(Materials provided)

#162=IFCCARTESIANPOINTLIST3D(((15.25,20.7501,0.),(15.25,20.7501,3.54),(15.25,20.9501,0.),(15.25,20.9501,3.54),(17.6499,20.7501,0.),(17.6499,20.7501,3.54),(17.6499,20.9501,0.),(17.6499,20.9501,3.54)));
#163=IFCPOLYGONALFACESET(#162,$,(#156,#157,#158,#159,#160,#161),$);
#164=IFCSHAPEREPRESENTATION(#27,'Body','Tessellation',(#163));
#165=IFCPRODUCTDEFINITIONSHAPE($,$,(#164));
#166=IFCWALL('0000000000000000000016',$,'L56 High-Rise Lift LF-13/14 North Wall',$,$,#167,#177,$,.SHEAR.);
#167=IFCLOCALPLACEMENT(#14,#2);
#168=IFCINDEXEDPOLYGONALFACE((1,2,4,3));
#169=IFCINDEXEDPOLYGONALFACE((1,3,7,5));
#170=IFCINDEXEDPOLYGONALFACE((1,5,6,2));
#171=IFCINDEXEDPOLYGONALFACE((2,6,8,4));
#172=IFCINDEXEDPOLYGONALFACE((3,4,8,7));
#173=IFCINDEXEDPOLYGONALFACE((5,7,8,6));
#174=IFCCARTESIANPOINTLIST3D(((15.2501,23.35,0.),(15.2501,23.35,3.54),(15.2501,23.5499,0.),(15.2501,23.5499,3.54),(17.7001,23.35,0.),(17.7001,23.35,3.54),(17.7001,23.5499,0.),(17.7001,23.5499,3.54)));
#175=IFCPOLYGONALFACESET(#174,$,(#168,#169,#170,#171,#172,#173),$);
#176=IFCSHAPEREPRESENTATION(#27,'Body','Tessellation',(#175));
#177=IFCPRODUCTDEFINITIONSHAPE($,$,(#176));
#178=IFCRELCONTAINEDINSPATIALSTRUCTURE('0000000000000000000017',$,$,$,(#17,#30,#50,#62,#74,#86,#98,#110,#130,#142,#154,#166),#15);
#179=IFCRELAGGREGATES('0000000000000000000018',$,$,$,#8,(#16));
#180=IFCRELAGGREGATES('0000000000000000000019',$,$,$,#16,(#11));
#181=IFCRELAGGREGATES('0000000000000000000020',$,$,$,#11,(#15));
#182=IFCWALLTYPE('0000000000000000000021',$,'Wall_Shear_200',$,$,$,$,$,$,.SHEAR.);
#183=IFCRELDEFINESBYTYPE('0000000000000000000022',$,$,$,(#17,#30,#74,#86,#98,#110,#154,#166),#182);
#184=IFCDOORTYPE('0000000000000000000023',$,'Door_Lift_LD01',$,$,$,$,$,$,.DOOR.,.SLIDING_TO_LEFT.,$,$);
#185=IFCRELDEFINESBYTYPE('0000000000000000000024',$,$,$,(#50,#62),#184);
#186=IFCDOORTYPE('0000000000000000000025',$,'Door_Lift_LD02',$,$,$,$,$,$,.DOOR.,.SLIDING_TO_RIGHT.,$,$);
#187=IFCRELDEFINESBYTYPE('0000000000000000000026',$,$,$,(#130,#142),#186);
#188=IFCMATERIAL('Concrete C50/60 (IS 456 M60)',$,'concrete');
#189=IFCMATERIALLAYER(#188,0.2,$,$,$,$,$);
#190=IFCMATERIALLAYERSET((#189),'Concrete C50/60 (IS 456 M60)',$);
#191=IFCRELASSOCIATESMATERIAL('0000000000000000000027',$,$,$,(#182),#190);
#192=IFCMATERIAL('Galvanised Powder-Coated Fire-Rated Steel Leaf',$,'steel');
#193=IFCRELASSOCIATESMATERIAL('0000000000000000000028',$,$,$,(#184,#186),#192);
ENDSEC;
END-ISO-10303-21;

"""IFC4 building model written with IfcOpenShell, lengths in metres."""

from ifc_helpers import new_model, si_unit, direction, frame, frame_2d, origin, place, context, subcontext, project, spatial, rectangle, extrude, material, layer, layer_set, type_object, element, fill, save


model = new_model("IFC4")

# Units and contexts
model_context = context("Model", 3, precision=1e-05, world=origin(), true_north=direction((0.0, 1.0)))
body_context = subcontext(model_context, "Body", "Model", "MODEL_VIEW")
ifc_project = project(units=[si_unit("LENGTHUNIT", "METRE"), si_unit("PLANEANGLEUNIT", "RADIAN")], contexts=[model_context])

(End Materials provided)

## Problem description
How many lines in the listing contain "IFCPRODUCTDEFINITIONSHAPE"? Answer with the number alone.

## Answer
2